··· ENTRIES SHOWN ···
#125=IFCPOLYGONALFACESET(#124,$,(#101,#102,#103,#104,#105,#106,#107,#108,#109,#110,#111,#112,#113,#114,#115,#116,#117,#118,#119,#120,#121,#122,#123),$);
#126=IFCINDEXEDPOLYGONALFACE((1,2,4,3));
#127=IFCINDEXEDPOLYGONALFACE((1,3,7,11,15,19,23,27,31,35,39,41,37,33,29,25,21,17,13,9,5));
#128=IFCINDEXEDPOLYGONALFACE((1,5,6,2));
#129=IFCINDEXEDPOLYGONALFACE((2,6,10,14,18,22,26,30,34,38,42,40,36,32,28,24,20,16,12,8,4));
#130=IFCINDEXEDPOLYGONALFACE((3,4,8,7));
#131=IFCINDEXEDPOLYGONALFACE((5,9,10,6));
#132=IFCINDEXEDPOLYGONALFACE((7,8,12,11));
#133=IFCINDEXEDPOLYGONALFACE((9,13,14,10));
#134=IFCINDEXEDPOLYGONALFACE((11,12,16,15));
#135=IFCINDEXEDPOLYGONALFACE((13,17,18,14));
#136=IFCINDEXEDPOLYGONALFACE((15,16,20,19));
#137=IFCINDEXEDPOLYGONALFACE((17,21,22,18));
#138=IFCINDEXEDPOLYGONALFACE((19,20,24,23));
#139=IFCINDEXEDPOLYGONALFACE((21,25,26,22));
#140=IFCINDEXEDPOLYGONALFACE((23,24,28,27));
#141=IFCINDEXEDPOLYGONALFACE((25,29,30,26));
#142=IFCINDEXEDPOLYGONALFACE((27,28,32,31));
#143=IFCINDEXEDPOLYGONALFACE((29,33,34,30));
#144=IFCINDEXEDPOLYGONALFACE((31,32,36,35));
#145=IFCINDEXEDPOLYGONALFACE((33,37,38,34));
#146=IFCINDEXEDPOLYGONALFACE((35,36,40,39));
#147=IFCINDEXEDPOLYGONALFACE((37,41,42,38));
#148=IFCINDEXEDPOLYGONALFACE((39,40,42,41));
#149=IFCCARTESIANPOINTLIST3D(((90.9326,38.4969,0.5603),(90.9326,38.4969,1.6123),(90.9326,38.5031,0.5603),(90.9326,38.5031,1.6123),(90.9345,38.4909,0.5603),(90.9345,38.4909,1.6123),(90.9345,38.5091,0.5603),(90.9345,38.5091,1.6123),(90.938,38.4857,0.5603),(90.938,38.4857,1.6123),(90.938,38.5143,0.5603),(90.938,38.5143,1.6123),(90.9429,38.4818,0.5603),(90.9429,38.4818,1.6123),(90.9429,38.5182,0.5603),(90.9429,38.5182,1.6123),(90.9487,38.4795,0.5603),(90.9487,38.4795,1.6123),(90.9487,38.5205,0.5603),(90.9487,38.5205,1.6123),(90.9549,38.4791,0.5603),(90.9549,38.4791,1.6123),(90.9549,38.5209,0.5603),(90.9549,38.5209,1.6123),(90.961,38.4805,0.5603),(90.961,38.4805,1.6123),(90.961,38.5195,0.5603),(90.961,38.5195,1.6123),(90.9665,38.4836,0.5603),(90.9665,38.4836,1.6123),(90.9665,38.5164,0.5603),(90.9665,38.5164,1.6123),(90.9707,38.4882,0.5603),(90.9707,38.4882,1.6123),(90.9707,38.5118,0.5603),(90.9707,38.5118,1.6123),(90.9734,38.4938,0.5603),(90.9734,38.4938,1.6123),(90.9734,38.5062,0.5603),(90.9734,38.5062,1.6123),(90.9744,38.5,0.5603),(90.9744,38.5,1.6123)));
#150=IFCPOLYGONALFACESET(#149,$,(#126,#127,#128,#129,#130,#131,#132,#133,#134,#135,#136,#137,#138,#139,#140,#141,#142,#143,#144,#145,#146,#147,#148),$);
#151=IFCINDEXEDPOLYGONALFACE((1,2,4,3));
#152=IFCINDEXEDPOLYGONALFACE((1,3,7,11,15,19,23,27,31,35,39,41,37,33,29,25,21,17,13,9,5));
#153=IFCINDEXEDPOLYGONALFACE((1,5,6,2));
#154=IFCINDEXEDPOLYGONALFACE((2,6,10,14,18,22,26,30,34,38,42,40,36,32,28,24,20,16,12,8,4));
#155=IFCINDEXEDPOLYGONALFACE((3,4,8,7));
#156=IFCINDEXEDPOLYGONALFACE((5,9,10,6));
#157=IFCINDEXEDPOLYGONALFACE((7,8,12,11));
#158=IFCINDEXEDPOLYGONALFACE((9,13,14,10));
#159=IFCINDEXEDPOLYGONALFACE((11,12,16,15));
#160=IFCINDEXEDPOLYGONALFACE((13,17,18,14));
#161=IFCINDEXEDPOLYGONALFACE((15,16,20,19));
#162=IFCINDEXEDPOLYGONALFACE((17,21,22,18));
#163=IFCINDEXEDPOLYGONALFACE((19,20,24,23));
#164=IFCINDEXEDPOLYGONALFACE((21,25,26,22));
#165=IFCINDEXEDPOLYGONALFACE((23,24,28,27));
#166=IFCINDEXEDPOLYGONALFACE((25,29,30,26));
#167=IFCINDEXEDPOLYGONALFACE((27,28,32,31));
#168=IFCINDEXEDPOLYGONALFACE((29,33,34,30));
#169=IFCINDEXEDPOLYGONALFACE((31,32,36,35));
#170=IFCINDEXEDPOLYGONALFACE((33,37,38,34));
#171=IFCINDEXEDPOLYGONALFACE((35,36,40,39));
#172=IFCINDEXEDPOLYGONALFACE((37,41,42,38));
···
··· ENTRIES SHOWN ···
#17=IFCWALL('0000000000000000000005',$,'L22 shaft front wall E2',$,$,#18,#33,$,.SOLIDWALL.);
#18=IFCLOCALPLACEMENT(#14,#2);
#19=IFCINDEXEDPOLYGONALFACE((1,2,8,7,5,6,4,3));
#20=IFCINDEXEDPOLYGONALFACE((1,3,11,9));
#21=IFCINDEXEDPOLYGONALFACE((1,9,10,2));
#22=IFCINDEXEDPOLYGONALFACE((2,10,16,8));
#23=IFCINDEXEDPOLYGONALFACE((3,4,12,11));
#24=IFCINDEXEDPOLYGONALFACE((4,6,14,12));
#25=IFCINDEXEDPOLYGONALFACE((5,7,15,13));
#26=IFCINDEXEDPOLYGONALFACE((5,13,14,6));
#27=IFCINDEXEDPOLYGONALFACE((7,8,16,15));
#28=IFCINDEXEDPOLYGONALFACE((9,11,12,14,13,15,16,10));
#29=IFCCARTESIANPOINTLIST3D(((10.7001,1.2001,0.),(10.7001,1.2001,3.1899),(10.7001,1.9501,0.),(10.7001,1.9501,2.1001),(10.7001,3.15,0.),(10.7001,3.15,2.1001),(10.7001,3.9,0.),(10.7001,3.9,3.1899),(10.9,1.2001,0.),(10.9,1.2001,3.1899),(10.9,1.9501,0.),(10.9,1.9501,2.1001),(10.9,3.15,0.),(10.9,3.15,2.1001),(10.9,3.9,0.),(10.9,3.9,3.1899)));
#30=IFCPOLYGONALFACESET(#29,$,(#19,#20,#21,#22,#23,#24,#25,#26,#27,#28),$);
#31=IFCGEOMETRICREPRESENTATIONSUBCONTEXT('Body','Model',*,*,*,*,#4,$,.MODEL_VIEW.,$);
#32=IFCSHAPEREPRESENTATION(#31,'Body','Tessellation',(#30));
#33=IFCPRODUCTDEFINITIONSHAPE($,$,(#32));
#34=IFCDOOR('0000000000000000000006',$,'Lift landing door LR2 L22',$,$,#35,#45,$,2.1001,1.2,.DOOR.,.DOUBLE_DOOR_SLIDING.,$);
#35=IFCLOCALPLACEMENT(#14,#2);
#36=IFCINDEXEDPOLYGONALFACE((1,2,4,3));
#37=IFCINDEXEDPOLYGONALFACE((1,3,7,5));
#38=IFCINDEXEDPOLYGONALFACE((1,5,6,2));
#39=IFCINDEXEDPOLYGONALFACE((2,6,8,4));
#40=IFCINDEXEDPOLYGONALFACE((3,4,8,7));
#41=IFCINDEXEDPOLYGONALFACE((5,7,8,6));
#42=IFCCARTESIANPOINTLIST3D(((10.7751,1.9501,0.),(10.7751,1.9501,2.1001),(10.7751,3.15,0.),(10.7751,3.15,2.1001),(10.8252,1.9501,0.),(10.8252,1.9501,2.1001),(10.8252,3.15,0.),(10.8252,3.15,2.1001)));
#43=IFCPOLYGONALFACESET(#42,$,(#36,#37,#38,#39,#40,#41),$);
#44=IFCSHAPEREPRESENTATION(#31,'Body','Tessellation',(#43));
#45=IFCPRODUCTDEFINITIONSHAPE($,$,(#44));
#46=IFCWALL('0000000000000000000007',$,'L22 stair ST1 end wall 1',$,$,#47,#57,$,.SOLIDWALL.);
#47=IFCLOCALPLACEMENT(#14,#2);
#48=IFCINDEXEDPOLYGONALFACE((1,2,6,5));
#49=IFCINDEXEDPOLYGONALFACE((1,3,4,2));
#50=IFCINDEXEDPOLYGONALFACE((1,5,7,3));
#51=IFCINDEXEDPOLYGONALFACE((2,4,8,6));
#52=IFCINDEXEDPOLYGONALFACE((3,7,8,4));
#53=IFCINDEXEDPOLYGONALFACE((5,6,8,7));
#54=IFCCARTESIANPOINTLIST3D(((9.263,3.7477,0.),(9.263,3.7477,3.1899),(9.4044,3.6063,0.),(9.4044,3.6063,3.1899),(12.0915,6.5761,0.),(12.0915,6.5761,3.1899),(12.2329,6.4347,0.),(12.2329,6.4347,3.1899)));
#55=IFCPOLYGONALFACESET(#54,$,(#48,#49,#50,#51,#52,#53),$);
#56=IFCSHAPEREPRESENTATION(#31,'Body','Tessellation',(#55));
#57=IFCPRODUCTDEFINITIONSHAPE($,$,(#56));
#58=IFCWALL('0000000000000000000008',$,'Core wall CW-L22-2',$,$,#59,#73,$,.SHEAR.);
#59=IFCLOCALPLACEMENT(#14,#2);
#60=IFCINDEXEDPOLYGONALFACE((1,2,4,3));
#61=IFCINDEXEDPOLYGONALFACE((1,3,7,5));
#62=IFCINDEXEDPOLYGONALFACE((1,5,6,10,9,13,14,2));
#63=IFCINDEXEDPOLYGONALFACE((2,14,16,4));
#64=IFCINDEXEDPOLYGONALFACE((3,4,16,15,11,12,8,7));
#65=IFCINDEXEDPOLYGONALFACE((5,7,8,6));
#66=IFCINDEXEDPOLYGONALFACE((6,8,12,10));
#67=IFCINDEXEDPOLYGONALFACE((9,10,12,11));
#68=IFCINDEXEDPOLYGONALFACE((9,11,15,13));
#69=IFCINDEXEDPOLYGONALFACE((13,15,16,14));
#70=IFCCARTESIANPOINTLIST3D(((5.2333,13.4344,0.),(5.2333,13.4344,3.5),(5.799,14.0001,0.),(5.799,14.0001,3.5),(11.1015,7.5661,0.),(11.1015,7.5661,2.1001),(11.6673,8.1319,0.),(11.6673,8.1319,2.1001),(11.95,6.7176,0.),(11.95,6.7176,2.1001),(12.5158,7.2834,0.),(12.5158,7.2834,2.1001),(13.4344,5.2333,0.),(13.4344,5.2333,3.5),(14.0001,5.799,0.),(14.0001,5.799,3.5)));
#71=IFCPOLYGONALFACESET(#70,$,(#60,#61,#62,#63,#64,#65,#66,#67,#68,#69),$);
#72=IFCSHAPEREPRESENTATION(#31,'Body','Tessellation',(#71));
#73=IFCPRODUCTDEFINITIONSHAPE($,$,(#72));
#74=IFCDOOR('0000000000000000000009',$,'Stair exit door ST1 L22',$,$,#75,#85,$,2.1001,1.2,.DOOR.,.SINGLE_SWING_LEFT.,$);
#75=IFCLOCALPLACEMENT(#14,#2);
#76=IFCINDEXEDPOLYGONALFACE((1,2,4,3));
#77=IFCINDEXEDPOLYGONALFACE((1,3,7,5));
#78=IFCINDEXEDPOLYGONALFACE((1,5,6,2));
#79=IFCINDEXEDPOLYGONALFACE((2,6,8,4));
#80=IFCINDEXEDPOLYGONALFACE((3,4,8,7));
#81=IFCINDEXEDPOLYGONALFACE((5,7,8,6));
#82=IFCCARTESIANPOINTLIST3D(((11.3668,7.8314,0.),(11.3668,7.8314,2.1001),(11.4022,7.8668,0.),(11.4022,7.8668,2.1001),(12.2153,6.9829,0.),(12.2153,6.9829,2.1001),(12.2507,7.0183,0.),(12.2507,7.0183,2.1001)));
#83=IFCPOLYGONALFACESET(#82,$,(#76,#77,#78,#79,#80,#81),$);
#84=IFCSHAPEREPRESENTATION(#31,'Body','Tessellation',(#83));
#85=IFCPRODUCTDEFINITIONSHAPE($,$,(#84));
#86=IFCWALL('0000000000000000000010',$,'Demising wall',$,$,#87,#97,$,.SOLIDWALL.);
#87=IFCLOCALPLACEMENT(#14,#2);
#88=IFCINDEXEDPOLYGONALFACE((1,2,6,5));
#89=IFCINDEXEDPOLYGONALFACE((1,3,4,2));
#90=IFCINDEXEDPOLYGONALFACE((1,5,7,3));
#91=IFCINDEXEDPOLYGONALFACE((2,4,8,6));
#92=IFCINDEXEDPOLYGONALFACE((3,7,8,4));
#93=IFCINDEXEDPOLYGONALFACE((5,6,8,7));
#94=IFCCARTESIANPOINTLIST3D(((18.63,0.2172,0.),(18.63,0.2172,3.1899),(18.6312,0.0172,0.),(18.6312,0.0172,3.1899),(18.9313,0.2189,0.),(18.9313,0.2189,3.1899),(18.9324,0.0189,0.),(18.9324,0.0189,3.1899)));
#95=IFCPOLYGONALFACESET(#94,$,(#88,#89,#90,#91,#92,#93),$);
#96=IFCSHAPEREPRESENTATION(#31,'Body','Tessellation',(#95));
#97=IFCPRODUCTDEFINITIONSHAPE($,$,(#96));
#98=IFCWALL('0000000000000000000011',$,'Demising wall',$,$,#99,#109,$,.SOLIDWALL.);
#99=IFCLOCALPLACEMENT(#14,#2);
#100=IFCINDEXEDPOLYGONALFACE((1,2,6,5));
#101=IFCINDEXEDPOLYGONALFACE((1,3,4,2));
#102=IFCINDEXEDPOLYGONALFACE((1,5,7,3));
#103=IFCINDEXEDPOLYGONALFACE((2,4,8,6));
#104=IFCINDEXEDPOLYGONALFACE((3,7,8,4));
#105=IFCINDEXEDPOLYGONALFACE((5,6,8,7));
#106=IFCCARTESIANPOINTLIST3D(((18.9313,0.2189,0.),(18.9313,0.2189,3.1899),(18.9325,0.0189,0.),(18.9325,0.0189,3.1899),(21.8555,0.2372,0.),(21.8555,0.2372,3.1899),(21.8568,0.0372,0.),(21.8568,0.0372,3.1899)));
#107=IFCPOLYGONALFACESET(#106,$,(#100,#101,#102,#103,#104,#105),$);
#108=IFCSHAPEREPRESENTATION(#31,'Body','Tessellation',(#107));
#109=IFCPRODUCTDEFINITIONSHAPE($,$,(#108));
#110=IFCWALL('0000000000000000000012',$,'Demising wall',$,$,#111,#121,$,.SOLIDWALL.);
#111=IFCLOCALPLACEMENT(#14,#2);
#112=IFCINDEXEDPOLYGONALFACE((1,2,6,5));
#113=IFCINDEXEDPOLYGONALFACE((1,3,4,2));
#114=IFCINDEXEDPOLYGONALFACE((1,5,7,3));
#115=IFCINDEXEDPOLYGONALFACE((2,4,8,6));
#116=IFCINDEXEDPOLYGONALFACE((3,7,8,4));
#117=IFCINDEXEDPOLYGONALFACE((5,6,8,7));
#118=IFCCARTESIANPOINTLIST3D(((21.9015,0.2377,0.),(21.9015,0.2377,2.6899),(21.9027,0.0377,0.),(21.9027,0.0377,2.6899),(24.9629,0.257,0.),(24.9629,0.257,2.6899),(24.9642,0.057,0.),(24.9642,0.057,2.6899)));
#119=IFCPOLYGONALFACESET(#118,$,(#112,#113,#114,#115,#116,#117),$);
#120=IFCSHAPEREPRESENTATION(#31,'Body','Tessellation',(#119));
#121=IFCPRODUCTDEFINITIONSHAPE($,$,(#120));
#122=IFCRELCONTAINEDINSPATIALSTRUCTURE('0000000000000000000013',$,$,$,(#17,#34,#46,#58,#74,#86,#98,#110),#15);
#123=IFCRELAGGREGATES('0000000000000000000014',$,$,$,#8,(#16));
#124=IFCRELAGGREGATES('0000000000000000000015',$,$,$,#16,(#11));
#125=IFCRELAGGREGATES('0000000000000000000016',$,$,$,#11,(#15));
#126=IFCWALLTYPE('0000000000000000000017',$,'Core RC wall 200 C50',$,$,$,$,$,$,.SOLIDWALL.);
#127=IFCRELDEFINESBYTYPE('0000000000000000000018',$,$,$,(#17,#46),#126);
···
▶ WHAT IS REQUIRED
Only the lines above starting with the one with "#52=IFCINDEXEDPOLYGONALFACE((3,7,8,4));" and going through the one with "#68=IFCINDEXEDPOLYGONALFACE((9,11,15,13));" are to be copied, word for word and with both ends kept.

▶ ANSWER FOR THE TASK
#52=IFCINDEXEDPOLYGONALFACE((3,7,8,4));
#53=IFCINDEXEDPOLYGONALFACE((5,6,8,7));
#54=IFCCARTESIANPOINTLIST3D(((9.263,3.7477,0.),(9.263,3.7477,3.1899),(9.4044,3.6063,0.),(9.4044,3.6063,3.1899),(12.0915,6.5761,0.),(12.0915,6.5761,3.1899),(12.2329,6.4347,0.),(12.2329,6.4347,3.1899)));
#55=IFCPOLYGONALFACESET(#54,$,(#48,#49,#50,#51,#52,#53),$);
#56=IFCSHAPEREPRESENTATION(#31,'Body','Tessellation',(#55));
#57=IFCPRODUCTDEFINITIONSHAPE($,$,(#56));
#58=IFCWALL('0000000000000000000008',$,'Core wall CW-L22-2',$,$,#59,#73,$,.SHEAR.);
#59=IFCLOCALPLACEMENT(#14,#2);
#60=IFCINDEXEDPOLYGONALFACE((1,2,4,3));
#61=IFCINDEXEDPOLYGONALFACE((1,3,7,5));
#62=IFCINDEXEDPOLYGONALFACE((1,5,6,10,9,13,14,2));
#63=IFCINDEXEDPOLYGONALFACE((2,14,16,4));
#64=IFCINDEXEDPOLYGONALFACE((3,4,16,15,11,12,8,7));
#65=IFCINDEXEDPOLYGONALFACE((5,7,8,6));
#66=IFCINDEXEDPOLYGONALFACE((6,8,12,10));
#67=IFCINDEXEDPOLYGONALFACE((9,10,12,11));
#68=IFCINDEXEDPOLYGONALFACE((9,11,15,13));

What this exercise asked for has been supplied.